(Collected data)
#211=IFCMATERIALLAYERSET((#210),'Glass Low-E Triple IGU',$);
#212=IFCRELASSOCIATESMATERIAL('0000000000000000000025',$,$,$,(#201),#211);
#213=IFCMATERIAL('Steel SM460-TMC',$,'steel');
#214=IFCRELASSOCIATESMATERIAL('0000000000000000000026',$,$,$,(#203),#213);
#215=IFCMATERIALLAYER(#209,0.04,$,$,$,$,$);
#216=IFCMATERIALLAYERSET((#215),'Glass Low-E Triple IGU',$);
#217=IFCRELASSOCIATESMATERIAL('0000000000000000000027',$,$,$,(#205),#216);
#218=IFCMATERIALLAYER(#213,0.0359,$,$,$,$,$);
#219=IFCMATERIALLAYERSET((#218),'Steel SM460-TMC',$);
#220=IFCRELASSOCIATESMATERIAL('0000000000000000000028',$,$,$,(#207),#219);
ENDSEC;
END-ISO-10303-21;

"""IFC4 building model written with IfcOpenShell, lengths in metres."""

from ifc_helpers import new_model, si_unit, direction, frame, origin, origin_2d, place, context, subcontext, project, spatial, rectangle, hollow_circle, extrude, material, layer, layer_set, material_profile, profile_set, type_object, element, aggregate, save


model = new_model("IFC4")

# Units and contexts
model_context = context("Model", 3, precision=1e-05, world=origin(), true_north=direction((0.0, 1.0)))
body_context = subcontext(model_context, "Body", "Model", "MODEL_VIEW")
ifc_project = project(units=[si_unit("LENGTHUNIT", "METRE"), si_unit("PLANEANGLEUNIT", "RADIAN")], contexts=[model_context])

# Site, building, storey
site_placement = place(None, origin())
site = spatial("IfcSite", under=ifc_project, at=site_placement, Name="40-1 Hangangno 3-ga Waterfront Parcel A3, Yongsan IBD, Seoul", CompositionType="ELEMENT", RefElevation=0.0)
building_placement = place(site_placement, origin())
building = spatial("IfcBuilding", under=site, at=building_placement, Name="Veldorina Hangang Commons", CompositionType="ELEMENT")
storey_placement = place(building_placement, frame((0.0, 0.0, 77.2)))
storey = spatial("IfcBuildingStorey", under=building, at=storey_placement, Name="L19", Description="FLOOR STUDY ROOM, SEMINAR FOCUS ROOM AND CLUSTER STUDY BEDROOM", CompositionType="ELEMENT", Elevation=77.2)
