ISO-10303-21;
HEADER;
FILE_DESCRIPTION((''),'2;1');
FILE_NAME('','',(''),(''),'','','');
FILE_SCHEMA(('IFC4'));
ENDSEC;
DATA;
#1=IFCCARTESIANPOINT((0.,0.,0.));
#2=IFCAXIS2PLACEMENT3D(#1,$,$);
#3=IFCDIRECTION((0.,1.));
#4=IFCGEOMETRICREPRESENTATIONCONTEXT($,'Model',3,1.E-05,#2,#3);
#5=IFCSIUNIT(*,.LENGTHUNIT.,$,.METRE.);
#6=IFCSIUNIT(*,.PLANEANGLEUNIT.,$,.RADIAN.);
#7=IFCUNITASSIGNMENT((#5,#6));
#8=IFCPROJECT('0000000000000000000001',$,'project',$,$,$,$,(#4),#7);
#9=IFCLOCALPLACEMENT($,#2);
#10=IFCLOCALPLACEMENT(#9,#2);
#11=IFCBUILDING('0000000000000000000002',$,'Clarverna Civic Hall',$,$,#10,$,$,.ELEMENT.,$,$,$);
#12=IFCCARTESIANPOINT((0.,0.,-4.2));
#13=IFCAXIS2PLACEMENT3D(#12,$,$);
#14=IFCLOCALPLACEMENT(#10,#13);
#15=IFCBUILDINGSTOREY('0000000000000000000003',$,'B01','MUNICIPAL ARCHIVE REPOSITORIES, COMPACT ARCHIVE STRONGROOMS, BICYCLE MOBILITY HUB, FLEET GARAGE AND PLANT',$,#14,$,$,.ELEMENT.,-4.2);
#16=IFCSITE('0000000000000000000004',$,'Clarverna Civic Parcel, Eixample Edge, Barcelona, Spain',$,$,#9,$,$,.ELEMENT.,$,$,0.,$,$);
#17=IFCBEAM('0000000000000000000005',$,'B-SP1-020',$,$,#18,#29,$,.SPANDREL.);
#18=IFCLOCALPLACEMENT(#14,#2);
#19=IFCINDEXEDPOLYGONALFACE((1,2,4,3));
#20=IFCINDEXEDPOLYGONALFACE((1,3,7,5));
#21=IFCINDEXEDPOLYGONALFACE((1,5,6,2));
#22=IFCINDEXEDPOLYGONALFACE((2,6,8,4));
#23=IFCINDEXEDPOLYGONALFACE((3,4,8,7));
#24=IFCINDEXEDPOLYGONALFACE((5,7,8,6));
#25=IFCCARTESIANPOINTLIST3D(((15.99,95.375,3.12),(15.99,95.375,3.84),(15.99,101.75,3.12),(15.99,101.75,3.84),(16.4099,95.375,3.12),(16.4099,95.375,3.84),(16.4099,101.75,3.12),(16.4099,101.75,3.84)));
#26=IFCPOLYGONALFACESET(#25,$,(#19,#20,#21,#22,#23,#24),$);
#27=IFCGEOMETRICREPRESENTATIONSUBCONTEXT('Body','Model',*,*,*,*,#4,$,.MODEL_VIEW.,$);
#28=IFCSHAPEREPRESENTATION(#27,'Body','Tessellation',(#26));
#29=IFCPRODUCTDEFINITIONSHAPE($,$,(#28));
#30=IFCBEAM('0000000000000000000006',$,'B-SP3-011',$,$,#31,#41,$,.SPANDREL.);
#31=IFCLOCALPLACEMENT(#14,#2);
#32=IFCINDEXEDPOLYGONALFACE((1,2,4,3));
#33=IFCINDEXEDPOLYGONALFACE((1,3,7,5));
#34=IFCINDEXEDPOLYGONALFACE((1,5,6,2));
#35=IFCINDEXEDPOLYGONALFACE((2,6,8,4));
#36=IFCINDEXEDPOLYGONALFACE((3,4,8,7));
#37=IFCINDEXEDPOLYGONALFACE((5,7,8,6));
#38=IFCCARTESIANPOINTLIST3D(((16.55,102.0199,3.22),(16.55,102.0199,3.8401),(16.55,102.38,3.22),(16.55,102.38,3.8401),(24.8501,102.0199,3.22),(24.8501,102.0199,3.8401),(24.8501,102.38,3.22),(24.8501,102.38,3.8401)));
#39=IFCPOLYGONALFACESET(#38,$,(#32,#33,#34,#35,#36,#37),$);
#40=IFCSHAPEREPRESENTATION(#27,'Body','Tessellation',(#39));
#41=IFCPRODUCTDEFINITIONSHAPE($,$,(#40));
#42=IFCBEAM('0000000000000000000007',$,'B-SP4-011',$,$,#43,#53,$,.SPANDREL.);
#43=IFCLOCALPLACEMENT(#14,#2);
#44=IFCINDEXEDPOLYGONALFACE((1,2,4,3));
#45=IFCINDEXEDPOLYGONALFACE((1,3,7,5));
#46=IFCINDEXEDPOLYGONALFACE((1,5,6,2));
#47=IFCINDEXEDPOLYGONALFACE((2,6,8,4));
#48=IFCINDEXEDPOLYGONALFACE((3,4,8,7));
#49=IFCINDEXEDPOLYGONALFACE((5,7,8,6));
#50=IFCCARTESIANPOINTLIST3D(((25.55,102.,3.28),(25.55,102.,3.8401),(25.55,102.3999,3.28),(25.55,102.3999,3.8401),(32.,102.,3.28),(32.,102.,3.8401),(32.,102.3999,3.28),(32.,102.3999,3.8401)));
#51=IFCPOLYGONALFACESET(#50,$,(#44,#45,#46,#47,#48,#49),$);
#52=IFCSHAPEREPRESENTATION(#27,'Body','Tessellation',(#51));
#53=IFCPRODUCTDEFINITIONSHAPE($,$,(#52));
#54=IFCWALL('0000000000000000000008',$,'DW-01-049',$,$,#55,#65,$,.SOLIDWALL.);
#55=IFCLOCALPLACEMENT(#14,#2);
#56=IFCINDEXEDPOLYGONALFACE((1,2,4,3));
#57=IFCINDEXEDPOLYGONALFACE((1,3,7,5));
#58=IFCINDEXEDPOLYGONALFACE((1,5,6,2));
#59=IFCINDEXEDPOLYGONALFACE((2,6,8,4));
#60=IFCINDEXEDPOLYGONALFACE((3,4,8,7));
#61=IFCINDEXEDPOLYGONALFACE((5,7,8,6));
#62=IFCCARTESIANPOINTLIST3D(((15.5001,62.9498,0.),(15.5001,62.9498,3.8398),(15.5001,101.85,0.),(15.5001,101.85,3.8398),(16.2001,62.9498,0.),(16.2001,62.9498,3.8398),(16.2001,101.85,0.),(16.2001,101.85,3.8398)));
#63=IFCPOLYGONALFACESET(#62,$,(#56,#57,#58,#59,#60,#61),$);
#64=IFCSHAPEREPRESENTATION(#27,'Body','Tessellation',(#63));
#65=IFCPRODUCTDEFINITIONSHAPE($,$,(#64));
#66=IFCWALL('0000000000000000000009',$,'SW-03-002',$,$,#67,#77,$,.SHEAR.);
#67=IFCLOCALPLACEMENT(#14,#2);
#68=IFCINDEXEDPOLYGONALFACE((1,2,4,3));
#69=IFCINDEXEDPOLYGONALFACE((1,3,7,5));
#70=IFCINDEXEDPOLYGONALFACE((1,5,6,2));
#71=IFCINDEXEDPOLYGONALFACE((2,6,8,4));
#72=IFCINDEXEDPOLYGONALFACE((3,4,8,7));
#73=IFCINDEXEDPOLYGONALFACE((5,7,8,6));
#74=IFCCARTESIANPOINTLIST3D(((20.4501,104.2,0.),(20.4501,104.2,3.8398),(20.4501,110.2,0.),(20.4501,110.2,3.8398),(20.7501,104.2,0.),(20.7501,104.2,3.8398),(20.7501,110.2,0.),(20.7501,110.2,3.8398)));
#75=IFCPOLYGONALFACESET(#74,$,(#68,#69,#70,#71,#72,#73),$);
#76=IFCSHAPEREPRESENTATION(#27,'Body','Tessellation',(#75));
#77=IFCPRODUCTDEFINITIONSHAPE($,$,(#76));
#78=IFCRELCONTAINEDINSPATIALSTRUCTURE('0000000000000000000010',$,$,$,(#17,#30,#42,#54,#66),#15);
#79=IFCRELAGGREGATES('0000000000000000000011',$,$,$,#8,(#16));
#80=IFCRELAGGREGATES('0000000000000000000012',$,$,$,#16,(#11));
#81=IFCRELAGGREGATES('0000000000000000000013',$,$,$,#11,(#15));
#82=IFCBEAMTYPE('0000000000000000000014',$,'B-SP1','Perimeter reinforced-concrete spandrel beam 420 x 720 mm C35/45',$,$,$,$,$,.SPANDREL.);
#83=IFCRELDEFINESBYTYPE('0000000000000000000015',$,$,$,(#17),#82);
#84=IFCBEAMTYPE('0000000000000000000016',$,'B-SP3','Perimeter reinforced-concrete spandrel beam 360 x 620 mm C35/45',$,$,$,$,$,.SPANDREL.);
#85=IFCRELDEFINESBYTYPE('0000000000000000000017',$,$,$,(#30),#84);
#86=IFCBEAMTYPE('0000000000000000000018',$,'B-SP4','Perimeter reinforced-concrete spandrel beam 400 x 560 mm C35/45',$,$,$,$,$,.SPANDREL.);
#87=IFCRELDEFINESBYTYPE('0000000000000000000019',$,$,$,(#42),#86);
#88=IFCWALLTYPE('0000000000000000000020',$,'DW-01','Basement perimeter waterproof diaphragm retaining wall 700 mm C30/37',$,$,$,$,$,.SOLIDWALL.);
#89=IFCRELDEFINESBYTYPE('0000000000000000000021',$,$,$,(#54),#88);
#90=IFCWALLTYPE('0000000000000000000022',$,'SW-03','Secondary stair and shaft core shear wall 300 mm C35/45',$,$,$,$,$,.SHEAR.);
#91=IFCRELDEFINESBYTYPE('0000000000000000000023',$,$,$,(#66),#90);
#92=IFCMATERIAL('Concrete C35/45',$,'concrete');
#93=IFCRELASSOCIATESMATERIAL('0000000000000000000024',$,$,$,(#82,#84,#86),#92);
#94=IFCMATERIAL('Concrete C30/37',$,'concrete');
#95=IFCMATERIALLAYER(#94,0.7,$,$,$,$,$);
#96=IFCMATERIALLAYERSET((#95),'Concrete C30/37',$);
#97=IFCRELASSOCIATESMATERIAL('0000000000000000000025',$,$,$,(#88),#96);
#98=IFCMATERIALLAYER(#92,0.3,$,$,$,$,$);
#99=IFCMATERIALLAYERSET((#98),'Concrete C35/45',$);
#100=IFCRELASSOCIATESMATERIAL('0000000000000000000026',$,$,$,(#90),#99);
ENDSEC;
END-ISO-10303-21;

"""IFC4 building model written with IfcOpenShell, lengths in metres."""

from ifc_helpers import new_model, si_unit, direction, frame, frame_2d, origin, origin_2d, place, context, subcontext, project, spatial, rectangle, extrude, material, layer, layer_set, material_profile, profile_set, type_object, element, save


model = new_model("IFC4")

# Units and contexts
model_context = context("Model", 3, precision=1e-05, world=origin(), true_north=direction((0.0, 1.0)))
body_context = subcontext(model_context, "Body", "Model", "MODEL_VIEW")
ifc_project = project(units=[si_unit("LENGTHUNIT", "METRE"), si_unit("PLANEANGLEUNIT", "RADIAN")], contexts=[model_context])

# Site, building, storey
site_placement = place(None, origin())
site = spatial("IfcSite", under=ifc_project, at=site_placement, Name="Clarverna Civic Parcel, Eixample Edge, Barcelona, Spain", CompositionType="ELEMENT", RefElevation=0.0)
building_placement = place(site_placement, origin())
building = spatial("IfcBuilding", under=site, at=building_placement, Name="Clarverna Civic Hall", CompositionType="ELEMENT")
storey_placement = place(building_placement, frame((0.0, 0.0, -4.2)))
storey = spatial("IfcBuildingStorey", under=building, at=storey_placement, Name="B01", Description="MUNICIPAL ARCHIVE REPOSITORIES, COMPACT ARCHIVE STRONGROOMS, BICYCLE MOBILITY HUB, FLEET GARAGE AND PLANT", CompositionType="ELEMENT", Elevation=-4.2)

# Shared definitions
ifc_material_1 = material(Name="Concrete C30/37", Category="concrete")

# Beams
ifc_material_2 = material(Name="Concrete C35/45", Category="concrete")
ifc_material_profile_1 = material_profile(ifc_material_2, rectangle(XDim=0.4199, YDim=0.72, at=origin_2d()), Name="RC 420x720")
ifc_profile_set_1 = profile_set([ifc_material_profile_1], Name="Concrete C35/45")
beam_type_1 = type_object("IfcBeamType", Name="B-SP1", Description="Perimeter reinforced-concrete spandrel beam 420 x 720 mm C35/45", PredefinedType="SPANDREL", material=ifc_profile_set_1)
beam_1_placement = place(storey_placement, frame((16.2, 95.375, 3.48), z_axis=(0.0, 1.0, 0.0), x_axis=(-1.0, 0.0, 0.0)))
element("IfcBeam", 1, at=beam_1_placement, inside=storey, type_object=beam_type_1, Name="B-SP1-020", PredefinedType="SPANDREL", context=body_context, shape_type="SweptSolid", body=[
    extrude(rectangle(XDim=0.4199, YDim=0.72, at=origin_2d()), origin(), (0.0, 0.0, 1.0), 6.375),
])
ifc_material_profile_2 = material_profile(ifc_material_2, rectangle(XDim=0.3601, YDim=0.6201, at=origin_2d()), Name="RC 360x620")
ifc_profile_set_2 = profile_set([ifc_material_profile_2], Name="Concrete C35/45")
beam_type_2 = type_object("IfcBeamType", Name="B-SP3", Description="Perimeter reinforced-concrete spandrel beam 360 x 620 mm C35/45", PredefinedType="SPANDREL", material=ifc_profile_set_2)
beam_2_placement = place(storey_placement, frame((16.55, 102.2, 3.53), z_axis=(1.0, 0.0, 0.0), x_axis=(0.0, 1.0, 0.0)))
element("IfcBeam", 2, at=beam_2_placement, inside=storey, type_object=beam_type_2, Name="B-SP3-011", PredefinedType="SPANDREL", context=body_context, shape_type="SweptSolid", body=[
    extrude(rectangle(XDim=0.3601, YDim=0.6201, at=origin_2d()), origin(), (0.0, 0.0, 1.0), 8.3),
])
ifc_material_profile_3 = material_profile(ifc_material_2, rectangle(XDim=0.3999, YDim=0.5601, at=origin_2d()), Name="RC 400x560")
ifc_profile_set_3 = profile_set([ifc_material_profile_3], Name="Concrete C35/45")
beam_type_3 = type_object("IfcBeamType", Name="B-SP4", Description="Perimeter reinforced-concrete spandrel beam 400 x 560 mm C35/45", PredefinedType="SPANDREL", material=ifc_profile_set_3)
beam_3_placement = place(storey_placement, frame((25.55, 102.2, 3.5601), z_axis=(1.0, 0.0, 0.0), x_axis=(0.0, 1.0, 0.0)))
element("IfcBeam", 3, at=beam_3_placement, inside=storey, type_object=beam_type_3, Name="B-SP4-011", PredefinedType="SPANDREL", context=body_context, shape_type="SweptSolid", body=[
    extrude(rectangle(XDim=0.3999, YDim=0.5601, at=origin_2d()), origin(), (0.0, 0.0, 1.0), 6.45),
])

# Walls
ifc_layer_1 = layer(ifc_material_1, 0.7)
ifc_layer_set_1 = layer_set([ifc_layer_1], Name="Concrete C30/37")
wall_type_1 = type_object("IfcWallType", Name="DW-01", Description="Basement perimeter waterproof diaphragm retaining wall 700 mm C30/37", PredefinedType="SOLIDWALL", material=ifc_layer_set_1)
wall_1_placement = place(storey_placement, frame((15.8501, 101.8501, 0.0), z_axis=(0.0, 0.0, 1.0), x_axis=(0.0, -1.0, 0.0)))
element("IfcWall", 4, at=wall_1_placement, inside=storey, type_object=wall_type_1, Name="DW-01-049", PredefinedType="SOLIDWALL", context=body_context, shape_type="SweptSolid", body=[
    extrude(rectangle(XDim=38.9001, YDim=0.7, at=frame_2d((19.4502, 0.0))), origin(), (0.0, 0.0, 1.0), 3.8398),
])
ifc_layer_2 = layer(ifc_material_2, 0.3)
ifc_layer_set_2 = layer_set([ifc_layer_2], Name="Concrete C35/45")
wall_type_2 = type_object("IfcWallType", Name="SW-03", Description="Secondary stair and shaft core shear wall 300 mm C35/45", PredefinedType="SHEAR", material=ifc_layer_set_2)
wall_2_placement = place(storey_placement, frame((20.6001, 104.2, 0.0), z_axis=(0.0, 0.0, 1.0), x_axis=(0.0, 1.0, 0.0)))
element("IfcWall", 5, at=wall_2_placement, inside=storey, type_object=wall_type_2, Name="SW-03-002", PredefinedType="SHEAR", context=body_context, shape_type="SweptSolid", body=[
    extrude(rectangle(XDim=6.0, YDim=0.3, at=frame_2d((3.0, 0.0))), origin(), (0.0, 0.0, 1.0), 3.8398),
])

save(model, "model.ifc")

**EXERCISE DETAILS:** Repeat exactly the lines above, starting with the first line of the records and finishing with the line holding "#218=IFCMATERIALLAYER(#213,0.0359,$,$,$,$,$);". Add no other line.

**EXERCISE RESPONSE:**
#211=IFCMATERIALLAYERSET((#210),'Glass Low-E Triple IGU',$);
#212=IFCRELASSOCIATESMATERIAL('0000000000000000000025',$,$,$,(#201),#211);
#213=IFCMATERIAL('Steel SM460-TMC',$,'steel');
#214=IFCRELASSOCIATESMATERIAL('0000000000000000000026',$,$,$,(#203),#213);
#215=IFCMATERIALLAYER(#209,0.04,$,$,$,$,$);
#216=IFCMATERIALLAYERSET((#215),'Glass Low-E Triple IGU',$);
#217=IFCRELASSOCIATESMATERIAL('0000000000000000000027',$,$,$,(#205),#216);
#218=IFCMATERIALLAYER(#213,0.0359,$,$,$,$,$);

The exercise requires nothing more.